- [Task brief]:
Copy word for word the lines from the start of the records through the line that contains "#63=IFCINDEXEDPOLYGONALFACE((33,37,38,34));", both included.

——————

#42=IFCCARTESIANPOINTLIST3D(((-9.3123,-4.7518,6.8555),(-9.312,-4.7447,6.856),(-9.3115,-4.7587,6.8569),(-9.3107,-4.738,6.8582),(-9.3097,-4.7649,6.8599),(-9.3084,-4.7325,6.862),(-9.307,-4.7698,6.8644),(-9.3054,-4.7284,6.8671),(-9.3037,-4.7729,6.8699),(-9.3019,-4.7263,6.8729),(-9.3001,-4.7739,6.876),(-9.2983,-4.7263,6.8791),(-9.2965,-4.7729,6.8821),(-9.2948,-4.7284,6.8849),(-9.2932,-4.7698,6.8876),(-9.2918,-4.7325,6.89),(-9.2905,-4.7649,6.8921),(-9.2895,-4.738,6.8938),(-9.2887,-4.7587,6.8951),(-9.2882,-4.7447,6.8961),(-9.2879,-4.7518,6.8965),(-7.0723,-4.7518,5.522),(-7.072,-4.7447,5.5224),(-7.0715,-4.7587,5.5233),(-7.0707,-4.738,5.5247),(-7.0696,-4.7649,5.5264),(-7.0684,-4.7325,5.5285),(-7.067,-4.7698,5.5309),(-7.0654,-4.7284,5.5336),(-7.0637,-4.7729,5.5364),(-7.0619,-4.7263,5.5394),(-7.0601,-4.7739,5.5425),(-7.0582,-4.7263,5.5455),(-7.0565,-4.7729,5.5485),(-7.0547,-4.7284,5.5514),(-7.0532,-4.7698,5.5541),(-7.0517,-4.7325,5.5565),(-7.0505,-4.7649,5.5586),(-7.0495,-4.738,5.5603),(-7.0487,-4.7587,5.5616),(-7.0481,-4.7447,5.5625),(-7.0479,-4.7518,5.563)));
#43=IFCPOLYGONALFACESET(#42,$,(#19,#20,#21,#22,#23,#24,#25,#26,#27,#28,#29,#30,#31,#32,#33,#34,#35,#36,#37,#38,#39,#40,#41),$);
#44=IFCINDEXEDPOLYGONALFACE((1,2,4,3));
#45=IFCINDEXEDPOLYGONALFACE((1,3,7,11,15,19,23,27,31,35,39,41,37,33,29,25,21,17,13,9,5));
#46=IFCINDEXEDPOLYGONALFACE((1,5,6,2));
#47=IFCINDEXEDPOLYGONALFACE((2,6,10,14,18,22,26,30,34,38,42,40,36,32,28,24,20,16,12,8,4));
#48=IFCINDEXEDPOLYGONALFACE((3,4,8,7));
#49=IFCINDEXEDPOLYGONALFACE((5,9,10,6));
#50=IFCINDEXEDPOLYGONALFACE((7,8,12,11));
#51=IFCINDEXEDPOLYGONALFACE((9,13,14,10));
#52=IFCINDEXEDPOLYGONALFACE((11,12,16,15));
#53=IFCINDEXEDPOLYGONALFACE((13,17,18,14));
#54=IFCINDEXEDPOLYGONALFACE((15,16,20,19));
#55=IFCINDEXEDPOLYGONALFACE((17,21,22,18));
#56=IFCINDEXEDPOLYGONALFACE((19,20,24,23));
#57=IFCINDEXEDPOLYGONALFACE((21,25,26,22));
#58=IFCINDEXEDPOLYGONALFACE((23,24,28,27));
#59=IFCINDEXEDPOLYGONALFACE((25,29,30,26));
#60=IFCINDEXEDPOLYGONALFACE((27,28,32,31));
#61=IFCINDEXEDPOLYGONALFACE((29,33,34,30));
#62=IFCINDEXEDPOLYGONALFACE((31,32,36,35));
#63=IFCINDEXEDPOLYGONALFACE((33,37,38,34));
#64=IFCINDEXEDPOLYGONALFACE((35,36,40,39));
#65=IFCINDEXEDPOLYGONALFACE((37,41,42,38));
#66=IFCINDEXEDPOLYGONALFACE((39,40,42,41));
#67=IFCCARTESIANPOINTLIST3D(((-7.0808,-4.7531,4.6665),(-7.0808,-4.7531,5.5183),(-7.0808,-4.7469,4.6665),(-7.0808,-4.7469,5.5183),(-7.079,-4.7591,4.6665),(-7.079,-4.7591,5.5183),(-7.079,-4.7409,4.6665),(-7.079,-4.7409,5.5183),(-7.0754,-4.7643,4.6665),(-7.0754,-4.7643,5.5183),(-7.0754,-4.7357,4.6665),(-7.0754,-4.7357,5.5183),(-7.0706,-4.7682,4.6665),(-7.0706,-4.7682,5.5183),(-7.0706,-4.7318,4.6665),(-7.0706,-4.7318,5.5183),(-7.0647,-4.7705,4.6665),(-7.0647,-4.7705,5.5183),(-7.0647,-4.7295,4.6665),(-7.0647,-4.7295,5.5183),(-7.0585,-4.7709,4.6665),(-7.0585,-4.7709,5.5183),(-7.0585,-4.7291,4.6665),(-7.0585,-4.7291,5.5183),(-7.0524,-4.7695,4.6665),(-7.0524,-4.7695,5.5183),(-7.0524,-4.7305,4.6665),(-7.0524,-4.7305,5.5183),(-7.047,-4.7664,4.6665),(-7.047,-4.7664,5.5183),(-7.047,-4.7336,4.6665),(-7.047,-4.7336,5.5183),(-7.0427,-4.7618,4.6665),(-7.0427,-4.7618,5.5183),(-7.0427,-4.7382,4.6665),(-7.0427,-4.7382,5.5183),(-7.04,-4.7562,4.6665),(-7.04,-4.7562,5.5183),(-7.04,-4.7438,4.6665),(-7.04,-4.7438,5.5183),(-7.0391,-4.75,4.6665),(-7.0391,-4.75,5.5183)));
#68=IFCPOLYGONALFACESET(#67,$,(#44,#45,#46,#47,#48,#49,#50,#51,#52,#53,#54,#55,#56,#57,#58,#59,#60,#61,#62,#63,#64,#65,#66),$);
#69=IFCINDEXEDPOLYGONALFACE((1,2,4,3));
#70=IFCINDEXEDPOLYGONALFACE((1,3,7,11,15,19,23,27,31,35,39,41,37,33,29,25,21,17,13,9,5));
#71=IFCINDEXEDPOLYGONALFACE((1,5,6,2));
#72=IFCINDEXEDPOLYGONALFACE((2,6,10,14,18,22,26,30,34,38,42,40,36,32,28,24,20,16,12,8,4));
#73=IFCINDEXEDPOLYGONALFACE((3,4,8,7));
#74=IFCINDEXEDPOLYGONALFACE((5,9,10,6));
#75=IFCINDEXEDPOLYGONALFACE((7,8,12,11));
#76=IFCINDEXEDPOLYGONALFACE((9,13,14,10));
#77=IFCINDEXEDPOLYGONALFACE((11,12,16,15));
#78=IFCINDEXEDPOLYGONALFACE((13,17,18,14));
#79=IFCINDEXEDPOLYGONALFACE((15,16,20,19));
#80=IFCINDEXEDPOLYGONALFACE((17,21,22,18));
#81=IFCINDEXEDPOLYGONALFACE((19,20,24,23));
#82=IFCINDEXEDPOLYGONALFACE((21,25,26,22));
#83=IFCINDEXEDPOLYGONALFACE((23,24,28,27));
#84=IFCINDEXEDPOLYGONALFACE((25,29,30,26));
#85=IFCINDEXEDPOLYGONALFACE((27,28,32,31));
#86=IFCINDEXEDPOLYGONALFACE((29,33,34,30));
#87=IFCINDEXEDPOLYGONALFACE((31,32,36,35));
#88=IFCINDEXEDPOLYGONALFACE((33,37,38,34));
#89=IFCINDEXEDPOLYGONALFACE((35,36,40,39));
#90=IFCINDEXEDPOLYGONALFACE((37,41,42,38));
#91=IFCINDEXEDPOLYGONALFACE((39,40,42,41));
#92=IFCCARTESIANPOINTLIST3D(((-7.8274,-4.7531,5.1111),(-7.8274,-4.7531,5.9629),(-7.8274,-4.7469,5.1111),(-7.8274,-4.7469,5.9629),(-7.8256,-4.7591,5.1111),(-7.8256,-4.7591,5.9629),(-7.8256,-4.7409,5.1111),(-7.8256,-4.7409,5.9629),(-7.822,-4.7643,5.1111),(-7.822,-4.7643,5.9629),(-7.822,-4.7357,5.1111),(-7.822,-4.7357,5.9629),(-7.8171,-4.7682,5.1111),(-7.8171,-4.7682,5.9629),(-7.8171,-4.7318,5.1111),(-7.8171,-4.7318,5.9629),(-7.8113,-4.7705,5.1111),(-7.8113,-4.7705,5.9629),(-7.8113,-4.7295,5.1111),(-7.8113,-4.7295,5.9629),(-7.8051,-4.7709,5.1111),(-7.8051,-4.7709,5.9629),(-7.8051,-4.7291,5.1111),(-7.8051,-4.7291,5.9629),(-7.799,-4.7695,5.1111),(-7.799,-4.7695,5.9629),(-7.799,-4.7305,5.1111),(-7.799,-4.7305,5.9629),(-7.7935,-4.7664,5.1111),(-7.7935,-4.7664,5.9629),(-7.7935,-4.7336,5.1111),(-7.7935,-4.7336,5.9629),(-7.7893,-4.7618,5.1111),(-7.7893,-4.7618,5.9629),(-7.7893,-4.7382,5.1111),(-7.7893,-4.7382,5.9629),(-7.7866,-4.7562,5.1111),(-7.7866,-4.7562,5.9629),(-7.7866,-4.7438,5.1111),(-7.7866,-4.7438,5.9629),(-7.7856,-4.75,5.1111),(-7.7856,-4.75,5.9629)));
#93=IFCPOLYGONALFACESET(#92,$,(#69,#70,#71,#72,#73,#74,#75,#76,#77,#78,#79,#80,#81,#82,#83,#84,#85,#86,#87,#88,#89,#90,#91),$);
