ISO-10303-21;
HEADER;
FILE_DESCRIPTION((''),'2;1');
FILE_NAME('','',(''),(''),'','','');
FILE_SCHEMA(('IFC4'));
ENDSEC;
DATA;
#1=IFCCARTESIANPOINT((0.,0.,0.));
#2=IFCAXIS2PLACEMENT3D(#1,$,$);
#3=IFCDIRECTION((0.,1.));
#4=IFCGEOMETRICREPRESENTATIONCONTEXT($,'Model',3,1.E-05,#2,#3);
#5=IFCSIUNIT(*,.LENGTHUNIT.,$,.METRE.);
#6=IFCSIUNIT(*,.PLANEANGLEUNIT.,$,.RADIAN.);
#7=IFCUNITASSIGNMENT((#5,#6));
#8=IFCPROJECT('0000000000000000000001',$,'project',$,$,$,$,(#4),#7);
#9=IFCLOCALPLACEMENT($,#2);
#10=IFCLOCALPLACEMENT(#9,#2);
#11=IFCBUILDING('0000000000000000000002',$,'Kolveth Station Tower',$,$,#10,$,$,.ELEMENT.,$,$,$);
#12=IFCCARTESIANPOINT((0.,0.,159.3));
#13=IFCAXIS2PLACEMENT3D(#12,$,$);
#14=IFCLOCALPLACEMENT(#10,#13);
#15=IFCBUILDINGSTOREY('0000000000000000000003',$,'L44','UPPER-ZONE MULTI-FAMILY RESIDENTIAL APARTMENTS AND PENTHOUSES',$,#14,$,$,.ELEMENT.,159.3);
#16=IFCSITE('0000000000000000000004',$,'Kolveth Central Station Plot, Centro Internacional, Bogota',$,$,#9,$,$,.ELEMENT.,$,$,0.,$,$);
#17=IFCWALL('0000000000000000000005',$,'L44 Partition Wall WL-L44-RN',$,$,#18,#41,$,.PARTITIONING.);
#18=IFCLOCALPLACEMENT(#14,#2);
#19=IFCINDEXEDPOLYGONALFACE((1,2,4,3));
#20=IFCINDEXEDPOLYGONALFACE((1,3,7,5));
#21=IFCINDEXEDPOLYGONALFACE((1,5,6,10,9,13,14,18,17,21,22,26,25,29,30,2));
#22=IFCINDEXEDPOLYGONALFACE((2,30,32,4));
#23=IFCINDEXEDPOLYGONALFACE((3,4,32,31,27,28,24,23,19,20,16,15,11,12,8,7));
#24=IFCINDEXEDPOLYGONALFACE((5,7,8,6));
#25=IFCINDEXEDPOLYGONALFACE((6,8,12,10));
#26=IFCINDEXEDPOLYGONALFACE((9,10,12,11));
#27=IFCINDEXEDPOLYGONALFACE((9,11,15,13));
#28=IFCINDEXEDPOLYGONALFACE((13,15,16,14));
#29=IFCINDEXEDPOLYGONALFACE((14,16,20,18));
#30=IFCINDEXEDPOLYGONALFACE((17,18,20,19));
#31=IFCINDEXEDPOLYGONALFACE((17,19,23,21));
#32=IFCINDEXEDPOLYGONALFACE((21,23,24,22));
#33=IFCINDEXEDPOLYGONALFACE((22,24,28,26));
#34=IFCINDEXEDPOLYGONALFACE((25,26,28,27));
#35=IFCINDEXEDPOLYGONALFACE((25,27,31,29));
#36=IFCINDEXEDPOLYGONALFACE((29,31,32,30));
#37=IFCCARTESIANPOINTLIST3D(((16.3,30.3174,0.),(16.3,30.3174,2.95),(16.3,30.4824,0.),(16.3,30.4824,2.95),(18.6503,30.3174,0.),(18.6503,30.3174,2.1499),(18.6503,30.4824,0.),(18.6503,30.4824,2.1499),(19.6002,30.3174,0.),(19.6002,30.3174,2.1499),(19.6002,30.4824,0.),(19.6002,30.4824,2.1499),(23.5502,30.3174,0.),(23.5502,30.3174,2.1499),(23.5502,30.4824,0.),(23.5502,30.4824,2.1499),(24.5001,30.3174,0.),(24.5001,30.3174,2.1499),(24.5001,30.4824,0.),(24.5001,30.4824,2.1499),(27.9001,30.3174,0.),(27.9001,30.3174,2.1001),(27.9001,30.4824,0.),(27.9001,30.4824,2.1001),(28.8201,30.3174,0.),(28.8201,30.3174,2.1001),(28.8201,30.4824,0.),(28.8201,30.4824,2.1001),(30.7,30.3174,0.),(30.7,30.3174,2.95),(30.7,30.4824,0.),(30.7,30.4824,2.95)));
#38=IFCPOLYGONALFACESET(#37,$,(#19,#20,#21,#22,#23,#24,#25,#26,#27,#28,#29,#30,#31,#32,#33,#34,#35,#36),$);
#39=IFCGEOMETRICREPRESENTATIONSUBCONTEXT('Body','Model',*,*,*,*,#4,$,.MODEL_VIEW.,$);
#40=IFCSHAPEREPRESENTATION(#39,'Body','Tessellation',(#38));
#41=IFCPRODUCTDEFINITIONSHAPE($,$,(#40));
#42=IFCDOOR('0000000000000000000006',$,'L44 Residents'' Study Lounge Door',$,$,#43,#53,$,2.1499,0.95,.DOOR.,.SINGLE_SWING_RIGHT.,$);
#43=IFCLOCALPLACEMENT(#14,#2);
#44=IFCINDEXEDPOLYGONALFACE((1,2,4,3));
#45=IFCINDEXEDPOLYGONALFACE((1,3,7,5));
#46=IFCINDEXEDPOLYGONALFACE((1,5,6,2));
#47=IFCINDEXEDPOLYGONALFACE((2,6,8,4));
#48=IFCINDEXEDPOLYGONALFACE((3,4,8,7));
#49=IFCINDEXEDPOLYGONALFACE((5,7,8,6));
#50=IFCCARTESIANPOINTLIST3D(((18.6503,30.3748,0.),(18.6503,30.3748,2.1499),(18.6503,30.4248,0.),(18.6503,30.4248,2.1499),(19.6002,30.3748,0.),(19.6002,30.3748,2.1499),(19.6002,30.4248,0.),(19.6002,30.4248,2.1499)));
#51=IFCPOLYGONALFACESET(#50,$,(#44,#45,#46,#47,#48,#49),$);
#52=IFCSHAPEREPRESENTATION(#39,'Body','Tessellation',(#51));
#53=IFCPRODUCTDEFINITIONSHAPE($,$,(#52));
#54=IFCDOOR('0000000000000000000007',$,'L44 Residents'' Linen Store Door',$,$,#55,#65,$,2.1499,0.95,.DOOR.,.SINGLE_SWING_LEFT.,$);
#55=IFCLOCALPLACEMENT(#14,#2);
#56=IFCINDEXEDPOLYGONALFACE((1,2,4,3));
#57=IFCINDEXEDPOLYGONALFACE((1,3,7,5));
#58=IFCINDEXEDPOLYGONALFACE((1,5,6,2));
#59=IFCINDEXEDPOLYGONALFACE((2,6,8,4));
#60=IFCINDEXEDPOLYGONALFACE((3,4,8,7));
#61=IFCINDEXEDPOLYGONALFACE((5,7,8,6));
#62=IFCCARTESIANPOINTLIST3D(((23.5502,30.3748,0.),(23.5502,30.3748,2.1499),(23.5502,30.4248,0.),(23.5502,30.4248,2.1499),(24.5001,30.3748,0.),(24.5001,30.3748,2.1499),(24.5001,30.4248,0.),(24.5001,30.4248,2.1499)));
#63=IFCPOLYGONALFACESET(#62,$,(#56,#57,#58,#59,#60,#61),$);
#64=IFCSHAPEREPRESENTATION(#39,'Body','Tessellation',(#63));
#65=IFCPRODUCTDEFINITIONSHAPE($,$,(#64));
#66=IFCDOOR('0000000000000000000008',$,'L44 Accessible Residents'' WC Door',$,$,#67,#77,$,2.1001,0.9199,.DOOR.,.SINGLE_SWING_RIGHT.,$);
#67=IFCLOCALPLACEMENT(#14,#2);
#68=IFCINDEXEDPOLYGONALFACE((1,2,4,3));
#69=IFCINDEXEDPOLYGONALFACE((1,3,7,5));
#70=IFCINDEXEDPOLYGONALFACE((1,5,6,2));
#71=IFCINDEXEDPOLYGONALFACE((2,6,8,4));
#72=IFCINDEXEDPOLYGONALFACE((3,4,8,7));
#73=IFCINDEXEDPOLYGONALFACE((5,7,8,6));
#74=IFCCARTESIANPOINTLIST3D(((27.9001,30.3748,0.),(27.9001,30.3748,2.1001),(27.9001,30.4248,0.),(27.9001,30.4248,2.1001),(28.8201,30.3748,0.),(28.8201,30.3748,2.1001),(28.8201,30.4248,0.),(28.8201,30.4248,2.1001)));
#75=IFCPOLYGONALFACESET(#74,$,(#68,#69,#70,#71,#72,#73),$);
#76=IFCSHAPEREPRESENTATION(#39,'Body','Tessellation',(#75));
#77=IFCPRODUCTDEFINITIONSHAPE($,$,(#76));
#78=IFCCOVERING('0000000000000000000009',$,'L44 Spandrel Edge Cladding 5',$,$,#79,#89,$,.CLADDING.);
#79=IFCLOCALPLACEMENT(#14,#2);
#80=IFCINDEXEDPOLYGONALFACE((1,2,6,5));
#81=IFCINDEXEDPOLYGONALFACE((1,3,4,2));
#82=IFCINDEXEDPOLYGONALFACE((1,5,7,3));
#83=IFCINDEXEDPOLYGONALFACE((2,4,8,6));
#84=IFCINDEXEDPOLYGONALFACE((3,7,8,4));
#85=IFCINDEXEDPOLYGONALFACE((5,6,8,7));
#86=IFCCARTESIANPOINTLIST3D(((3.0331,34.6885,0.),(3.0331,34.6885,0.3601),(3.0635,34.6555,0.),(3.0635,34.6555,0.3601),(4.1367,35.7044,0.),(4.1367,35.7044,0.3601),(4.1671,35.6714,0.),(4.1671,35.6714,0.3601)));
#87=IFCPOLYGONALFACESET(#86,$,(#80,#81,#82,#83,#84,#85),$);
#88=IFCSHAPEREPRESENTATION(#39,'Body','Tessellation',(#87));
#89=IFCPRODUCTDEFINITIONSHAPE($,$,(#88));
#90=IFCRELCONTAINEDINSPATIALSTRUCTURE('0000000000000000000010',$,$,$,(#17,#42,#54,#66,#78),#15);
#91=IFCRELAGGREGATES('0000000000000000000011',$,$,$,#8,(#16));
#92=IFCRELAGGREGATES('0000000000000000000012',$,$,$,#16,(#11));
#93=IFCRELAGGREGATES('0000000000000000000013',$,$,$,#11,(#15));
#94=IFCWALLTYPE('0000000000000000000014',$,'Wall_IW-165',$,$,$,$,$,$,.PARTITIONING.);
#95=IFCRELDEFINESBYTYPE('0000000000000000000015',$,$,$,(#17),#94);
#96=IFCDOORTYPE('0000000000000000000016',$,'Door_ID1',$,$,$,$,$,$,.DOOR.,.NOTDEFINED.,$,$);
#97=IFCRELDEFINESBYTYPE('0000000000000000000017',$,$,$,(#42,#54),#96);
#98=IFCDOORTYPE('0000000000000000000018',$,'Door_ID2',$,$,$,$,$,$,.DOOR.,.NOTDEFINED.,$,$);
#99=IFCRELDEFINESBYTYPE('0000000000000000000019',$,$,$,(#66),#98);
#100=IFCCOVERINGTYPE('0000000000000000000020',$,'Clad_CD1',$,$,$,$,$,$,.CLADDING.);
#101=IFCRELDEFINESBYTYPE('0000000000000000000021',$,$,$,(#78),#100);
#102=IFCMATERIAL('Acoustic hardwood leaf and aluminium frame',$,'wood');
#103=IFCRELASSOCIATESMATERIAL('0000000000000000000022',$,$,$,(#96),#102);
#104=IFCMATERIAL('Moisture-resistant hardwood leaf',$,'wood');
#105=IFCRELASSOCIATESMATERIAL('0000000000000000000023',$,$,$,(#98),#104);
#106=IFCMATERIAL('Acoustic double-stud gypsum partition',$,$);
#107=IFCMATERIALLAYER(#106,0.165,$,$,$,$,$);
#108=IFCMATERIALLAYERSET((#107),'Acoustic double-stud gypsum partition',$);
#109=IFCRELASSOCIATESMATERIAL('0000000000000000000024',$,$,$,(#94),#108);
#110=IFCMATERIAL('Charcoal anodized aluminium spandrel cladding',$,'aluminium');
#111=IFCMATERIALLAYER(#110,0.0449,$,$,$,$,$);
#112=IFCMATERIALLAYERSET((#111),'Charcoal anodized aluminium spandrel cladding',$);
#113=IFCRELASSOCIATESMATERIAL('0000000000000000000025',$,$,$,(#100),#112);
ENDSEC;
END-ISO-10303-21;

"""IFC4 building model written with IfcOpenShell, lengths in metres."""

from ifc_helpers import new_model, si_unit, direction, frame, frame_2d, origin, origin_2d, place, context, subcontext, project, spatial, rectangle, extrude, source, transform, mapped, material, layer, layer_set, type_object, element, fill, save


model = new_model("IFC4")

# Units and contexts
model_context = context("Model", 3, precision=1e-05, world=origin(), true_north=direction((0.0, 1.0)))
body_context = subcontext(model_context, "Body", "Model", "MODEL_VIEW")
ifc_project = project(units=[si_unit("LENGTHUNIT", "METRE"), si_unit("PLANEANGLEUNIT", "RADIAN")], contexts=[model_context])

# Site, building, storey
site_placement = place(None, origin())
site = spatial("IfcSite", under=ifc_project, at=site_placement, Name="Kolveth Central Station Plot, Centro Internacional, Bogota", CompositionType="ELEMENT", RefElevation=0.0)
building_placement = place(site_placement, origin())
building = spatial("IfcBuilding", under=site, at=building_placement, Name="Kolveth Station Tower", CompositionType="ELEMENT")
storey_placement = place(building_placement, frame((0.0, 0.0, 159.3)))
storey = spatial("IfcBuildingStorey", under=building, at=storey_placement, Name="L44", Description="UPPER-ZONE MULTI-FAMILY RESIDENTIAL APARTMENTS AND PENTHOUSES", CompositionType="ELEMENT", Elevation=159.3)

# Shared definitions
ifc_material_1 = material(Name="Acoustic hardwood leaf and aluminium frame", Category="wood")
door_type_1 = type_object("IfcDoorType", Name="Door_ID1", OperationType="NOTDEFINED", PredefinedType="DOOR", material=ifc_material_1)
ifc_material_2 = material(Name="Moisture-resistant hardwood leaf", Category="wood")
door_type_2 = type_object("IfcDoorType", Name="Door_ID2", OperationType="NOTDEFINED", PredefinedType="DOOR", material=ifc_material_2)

——————

- [Solution to the exercise]:
#42=IFCCARTESIANPOINTLIST3D(((-9.3123,-4.7518,6.8555),(-9.312,-4.7447,6.856),(-9.3115,-4.7587,6.8569),(-9.3107,-4.738,6.8582),(-9.3097,-4.7649,6.8599),(-9.3084,-4.7325,6.862),(-9.307,-4.7698,6.8644),(-9.3054,-4.7284,6.8671),(-9.3037,-4.7729,6.8699),(-9.3019,-4.7263,6.8729),(-9.3001,-4.7739,6.876),(-9.2983,-4.7263,6.8791),(-9.2965,-4.7729,6.8821),(-9.2948,-4.7284,6.8849),(-9.2932,-4.7698,6.8876),(-9.2918,-4.7325,6.89),(-9.2905,-4.7649,6.8921),(-9.2895,-4.738,6.8938),(-9.2887,-4.7587,6.8951),(-9.2882,-4.7447,6.8961),(-9.2879,-4.7518,6.8965),(-7.0723,-4.7518,5.522),(-7.072,-4.7447,5.5224),(-7.0715,-4.7587,5.5233),(-7.0707,-4.738,5.5247),(-7.0696,-4.7649,5.5264),(-7.0684,-4.7325,5.5285),(-7.067,-4.7698,5.5309),(-7.0654,-4.7284,5.5336),(-7.0637,-4.7729,5.5364),(-7.0619,-4.7263,5.5394),(-7.0601,-4.7739,5.5425),(-7.0582,-4.7263,5.5455),(-7.0565,-4.7729,5.5485),(-7.0547,-4.7284,5.5514),(-7.0532,-4.7698,5.5541),(-7.0517,-4.7325,5.5565),(-7.0505,-4.7649,5.5586),(-7.0495,-4.738,5.5603),(-7.0487,-4.7587,5.5616),(-7.0481,-4.7447,5.5625),(-7.0479,-4.7518,5.563)));
#43=IFCPOLYGONALFACESET(#42,$,(#19,#20,#21,#22,#23,#24,#25,#26,#27,#28,#29,#30,#31,#32,#33,#34,#35,#36,#37,#38,#39,#40,#41),$);
#44=IFCINDEXEDPOLYGONALFACE((1,2,4,3));
#45=IFCINDEXEDPOLYGONALFACE((1,3,7,11,15,19,23,27,31,35,39,41,37,33,29,25,21,17,13,9,5));
#46=IFCINDEXEDPOLYGONALFACE((1,5,6,2));
#47=IFCINDEXEDPOLYGONALFACE((2,6,10,14,18,22,26,30,34,38,42,40,36,32,28,24,20,16,12,8,4));
#48=IFCINDEXEDPOLYGONALFACE((3,4,8,7));
#49=IFCINDEXEDPOLYGONALFACE((5,9,10,6));
#50=IFCINDEXEDPOLYGONALFACE((7,8,12,11));
#51=IFCINDEXEDPOLYGONALFACE((9,13,14,10));
#52=IFCINDEXEDPOLYGONALFACE((11,12,16,15));
#53=IFCINDEXEDPOLYGONALFACE((13,17,18,14));
#54=IFCINDEXEDPOLYGONALFACE((15,16,20,19));
#55=IFCINDEXEDPOLYGONALFACE((17,21,22,18));
#56=IFCINDEXEDPOLYGONALFACE((19,20,24,23));
#57=IFCINDEXEDPOLYGONALFACE((21,25,26,22));
#58=IFCINDEXEDPOLYGONALFACE((23,24,28,27));
#59=IFCINDEXEDPOLYGONALFACE((25,29,30,26));
#60=IFCINDEXEDPOLYGONALFACE((27,28,32,31));
#61=IFCINDEXEDPOLYGONALFACE((29,33,34,30));
#62=IFCINDEXEDPOLYGONALFACE((31,32,36,35));
#63=IFCINDEXEDPOLYGONALFACE((33,37,38,34));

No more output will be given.